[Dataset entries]
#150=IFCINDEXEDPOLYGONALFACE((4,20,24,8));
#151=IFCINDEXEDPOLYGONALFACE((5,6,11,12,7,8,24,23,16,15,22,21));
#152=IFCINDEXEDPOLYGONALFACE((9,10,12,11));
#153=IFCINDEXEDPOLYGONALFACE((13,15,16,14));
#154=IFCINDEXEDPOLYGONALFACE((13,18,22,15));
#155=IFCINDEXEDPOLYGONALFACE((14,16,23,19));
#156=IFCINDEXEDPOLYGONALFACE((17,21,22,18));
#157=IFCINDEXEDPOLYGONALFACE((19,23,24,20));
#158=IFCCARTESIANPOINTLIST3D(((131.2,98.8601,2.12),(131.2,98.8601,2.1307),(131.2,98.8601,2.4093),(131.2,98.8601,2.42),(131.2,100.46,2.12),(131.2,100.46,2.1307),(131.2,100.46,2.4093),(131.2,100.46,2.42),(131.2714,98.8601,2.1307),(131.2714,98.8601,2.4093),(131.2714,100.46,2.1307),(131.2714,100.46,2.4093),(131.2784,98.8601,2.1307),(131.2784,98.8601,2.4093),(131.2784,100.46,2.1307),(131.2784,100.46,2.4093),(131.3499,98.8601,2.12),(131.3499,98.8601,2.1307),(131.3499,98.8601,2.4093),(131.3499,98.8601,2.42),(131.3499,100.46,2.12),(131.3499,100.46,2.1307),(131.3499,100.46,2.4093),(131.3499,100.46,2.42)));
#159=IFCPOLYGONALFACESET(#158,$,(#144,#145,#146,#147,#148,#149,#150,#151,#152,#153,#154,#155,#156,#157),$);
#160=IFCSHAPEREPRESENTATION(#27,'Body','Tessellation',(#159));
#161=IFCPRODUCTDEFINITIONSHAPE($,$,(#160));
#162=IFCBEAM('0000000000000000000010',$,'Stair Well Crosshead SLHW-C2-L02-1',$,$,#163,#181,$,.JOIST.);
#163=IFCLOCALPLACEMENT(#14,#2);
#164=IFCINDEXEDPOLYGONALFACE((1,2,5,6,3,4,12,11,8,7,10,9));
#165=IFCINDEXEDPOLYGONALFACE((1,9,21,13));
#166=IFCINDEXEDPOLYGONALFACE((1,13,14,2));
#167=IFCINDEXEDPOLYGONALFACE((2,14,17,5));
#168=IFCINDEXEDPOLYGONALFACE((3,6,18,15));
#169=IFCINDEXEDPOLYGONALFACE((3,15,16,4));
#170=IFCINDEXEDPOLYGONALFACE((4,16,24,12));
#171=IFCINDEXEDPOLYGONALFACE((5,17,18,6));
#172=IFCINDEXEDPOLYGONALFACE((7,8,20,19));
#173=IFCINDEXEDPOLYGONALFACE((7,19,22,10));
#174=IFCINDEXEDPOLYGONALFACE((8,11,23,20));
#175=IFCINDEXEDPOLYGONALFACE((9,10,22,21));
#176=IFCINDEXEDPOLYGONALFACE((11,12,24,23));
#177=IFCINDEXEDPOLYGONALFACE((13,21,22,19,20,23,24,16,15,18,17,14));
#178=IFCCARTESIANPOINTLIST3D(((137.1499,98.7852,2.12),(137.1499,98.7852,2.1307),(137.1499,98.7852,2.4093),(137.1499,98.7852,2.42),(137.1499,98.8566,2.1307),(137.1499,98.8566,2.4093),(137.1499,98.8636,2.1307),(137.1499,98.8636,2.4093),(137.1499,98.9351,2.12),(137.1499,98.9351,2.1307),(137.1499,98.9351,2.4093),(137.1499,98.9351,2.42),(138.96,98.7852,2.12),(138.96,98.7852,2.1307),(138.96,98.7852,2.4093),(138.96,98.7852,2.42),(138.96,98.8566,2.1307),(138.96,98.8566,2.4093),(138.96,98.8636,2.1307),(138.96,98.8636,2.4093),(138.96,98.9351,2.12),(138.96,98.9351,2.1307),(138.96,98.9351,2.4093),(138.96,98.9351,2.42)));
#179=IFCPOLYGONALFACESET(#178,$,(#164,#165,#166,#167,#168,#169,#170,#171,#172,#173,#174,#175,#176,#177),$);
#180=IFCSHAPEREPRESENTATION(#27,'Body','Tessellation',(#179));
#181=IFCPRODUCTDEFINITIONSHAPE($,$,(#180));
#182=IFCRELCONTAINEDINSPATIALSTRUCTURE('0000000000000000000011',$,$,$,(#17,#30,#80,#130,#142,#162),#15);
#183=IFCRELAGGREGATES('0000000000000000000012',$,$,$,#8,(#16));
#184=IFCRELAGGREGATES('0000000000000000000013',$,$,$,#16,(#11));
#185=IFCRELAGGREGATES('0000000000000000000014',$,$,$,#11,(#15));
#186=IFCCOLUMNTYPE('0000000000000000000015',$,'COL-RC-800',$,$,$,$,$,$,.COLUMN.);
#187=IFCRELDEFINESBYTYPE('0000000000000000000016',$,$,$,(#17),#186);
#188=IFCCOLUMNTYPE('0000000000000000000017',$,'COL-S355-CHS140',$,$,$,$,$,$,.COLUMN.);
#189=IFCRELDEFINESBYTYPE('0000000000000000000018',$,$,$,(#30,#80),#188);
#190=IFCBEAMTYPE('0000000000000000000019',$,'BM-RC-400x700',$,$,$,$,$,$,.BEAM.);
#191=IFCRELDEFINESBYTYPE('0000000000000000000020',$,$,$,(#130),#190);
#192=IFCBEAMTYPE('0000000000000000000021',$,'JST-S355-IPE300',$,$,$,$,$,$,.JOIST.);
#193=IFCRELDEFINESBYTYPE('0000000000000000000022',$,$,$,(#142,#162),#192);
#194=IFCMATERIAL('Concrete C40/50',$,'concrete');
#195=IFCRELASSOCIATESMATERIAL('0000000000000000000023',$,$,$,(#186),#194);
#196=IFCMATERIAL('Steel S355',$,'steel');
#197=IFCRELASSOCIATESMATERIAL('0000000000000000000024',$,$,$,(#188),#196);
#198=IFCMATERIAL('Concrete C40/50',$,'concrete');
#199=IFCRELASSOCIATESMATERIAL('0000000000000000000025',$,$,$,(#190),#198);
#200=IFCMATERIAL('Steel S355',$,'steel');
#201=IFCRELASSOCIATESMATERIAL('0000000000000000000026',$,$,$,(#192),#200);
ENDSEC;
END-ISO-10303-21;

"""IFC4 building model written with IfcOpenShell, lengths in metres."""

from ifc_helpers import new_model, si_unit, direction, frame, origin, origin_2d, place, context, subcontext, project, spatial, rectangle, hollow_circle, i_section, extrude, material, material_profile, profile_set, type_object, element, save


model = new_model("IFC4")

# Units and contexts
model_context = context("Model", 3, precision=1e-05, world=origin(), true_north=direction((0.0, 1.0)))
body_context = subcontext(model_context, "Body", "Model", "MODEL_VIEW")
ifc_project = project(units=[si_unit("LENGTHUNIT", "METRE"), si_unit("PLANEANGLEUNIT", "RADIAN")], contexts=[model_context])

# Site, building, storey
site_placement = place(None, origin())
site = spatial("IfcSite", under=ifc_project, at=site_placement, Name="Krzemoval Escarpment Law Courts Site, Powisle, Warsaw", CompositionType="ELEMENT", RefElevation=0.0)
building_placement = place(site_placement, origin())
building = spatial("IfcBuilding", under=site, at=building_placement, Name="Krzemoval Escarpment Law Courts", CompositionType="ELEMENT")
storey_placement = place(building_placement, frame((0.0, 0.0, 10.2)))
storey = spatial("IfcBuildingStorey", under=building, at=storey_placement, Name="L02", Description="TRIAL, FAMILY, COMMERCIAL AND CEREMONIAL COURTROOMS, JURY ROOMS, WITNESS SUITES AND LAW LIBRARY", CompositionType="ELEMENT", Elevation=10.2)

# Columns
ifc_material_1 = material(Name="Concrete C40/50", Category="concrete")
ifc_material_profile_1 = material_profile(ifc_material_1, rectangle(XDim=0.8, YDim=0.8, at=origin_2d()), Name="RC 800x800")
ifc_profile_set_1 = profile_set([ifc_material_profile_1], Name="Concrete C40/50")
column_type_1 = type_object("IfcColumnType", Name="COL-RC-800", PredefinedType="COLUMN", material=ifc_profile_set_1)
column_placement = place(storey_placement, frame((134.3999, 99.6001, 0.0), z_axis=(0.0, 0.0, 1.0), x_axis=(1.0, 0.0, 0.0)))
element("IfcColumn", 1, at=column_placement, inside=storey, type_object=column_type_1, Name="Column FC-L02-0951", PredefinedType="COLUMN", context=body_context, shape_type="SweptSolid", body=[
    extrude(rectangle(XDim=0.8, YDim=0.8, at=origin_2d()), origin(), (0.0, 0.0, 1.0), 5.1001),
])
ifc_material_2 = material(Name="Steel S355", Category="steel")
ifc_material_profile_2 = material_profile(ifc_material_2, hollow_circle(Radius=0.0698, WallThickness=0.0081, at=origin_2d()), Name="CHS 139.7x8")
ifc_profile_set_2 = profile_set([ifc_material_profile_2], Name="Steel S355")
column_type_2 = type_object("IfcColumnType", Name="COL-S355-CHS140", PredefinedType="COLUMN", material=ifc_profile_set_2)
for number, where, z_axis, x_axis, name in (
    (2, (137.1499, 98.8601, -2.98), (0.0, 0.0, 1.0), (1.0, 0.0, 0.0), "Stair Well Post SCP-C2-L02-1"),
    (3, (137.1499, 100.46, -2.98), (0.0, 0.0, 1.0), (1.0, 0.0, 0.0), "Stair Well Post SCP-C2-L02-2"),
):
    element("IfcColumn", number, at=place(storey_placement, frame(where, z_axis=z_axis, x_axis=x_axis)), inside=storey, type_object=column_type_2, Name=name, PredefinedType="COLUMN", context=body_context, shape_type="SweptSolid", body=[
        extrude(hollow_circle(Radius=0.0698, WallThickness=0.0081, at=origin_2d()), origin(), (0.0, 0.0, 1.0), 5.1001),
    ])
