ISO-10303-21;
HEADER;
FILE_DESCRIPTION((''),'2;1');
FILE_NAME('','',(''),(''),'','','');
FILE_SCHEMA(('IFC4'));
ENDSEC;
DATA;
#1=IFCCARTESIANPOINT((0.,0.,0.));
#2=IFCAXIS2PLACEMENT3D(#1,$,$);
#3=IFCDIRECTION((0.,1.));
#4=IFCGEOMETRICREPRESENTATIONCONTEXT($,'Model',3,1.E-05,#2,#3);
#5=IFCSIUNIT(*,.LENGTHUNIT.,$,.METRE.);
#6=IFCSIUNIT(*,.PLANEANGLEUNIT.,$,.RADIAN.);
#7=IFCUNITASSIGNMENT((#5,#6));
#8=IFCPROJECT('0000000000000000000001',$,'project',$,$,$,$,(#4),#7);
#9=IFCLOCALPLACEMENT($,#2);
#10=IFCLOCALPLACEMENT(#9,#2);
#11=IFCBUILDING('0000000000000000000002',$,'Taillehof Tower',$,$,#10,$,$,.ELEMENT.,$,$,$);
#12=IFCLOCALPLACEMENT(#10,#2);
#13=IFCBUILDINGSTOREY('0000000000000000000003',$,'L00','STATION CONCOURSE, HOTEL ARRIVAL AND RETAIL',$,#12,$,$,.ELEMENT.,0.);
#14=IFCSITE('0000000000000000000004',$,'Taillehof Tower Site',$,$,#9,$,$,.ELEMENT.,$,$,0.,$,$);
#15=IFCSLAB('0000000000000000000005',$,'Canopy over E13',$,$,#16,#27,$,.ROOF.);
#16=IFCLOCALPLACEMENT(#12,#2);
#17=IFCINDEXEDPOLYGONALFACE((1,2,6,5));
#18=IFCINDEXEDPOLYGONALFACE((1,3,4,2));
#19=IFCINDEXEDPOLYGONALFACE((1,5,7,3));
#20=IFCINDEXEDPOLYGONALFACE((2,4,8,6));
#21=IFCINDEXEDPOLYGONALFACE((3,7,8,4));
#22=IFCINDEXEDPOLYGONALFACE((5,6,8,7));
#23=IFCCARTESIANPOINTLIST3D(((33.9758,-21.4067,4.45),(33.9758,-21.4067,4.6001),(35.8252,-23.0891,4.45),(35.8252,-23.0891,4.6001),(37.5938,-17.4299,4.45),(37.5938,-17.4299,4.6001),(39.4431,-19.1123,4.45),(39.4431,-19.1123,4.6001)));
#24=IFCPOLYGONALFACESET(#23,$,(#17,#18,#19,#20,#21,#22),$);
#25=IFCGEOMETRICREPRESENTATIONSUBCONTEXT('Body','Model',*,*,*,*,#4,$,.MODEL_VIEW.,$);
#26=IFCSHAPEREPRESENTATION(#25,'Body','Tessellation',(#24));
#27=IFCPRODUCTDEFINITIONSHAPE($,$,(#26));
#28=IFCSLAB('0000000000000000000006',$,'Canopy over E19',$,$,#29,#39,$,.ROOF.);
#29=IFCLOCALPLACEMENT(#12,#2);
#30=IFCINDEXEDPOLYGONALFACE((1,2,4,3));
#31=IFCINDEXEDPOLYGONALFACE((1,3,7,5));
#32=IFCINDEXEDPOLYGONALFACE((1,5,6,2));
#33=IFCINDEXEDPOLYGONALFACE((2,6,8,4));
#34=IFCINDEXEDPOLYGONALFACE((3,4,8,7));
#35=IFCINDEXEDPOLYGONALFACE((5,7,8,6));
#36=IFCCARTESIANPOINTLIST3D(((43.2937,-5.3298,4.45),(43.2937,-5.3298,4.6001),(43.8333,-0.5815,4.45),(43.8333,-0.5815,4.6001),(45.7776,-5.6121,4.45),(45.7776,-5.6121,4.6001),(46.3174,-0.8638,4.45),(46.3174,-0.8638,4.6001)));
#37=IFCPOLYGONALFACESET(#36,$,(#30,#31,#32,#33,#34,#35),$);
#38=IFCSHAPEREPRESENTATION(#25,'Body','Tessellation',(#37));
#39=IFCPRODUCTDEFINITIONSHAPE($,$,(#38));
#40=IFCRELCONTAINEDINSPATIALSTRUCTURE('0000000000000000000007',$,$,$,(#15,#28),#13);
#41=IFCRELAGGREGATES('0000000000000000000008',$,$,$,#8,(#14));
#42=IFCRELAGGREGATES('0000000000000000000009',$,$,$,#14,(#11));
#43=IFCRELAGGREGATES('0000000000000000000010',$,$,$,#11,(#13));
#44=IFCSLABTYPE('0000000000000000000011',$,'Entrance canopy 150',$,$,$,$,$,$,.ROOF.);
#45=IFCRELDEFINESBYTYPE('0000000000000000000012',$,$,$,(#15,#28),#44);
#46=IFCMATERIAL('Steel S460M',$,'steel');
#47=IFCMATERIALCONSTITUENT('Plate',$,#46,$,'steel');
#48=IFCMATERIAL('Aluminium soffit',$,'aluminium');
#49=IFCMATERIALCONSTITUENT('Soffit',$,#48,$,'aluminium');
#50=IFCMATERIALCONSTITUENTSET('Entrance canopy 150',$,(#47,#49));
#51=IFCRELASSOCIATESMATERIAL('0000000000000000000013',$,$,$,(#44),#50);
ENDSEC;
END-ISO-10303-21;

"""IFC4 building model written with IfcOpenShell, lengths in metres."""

from ifc_helpers import new_model, si_unit, direction, frame, origin, place, context, subcontext, project, spatial, polyline, outline, extrude, material, constituent, constituent_set, type_object, element, save


model = new_model("IFC4")

# Units and contexts
model_context = context("Model", 3, precision=1e-05, world=origin(), true_north=direction((0.0, 1.0)))
body_context = subcontext(model_context, "Body", "Model", "MODEL_VIEW")
ifc_project = project(units=[si_unit("LENGTHUNIT", "METRE"), si_unit("PLANEANGLEUNIT", "RADIAN")], contexts=[model_context])

# Site, building, storey
site_placement = place(None, origin())
site = spatial("IfcSite", under=ifc_project, at=site_placement, Name="Taillehof Tower Site", CompositionType="ELEMENT", RefElevation=0.0)
building_placement = place(site_placement, origin())
building = spatial("IfcBuilding", under=site, at=building_placement, Name="Taillehof Tower", CompositionType="ELEMENT")
storey_placement = place(building_placement, origin())
storey = spatial("IfcBuildingStorey", under=building, at=storey_placement, Name="L00", Description="STATION CONCOURSE, HOTEL ARRIVAL AND RETAIL", CompositionType="ELEMENT", Elevation=0.0)

# Slabs
ifc_material_1 = material(Name="Steel S460M", Category="steel")
ifc_constituent_1 = constituent(ifc_material_1, Name="Plate", Category="steel")
ifc_material_2 = material(Name="Aluminium soffit", Category="aluminium")
ifc_constituent_2 = constituent(ifc_material_2, Name="Soffit", Category="aluminium")
ifc_constituent_set_1 = constituent_set(constituents=[ifc_constituent_1, ifc_constituent_2], Name="Entrance canopy 150")
slab_type_1 = type_object("IfcSlabType", Name="Entrance canopy 150", PredefinedType="ROOF", material=ifc_constituent_set_1)
slab_1_placement = place(storey_placement, frame((0.0, 0.0, 4.45)))
element("IfcSlab", 1, at=slab_1_placement, inside=storey, type_object=slab_type_1, Name="Canopy over E13", PredefinedType="ROOF", context=body_context, shape_type="SweptSolid", body=[
    extrude(outline(polyline([(33.9758, -21.4067), (37.5938, -17.4299), (39.4431, -19.1123), (35.8252, -23.0891), (33.9758, -21.4067)])), origin(), (0.0, 0.0, 1.0), 0.1501),
])
slab_2_placement = place(storey_placement, frame((0.0, 0.0, 4.45)))
element("IfcSlab", 2, at=slab_2_placement, inside=storey, type_object=slab_type_1, Name="Canopy over E19", PredefinedType="ROOF", context=body_context, shape_type="SweptSolid", body=[
    extrude(outline(polyline([(43.2937, -5.3298), (43.8333, -0.5815), (46.3174, -0.8638), (45.7776, -5.6121), (43.2937, -5.3298)])), origin(), (0.0, 0.0, 1.0), 0.1501),
])

save(model, "model.ifc")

**TASK BRIEF:**
Starting at the line that contains "#170=IFCINDEXEDPOLYGONALFACE((4,16,24,12));" and stopping after the line that contains "#180=IFCSHAPEREPRESENTATION(#27,'Body','Tessellation',(#179));", write out every line exactly as it appears above, and no other line.

**TASK RESULT:**
#170=IFCINDEXEDPOLYGONALFACE((4,16,24,12));
#171=IFCINDEXEDPOLYGONALFACE((5,17,18,6));
#172=IFCINDEXEDPOLYGONALFACE((7,8,20,19));
#173=IFCINDEXEDPOLYGONALFACE((7,19,22,10));
#174=IFCINDEXEDPOLYGONALFACE((8,11,23,20));
#175=IFCINDEXEDPOLYGONALFACE((9,10,22,21));
#176=IFCINDEXEDPOLYGONALFACE((11,12,24,23));
#177=IFCINDEXEDPOLYGONALFACE((13,21,22,19,20,23,24,16,15,18,17,14));
#178=IFCCARTESIANPOINTLIST3D(((137.1499,98.7852,2.12),(137.1499,98.7852,2.1307),(137.1499,98.7852,2.4093),(137.1499,98.7852,2.42),(137.1499,98.8566,2.1307),(137.1499,98.8566,2.4093),(137.1499,98.8636,2.1307),(137.1499,98.8636,2.4093),(137.1499,98.9351,2.12),(137.1499,98.9351,2.1307),(137.1499,98.9351,2.4093),(137.1499,98.9351,2.42),(138.96,98.7852,2.12),(138.96,98.7852,2.1307),(138.96,98.7852,2.4093),(138.96,98.7852,2.42),(138.96,98.8566,2.1307),(138.96,98.8566,2.4093),(138.96,98.8636,2.1307),(138.96,98.8636,2.4093),(138.96,98.9351,2.12),(138.96,98.9351,2.1307),(138.96,98.9351,2.4093),(138.96,98.9351,2.42)));
#179=IFCPOLYGONALFACESET(#178,$,(#164,#165,#166,#167,#168,#169,#170,#171,#172,#173,#174,#175,#176,#177),$);
#180=IFCSHAPEREPRESENTATION(#27,'Body','Tessellation',(#179));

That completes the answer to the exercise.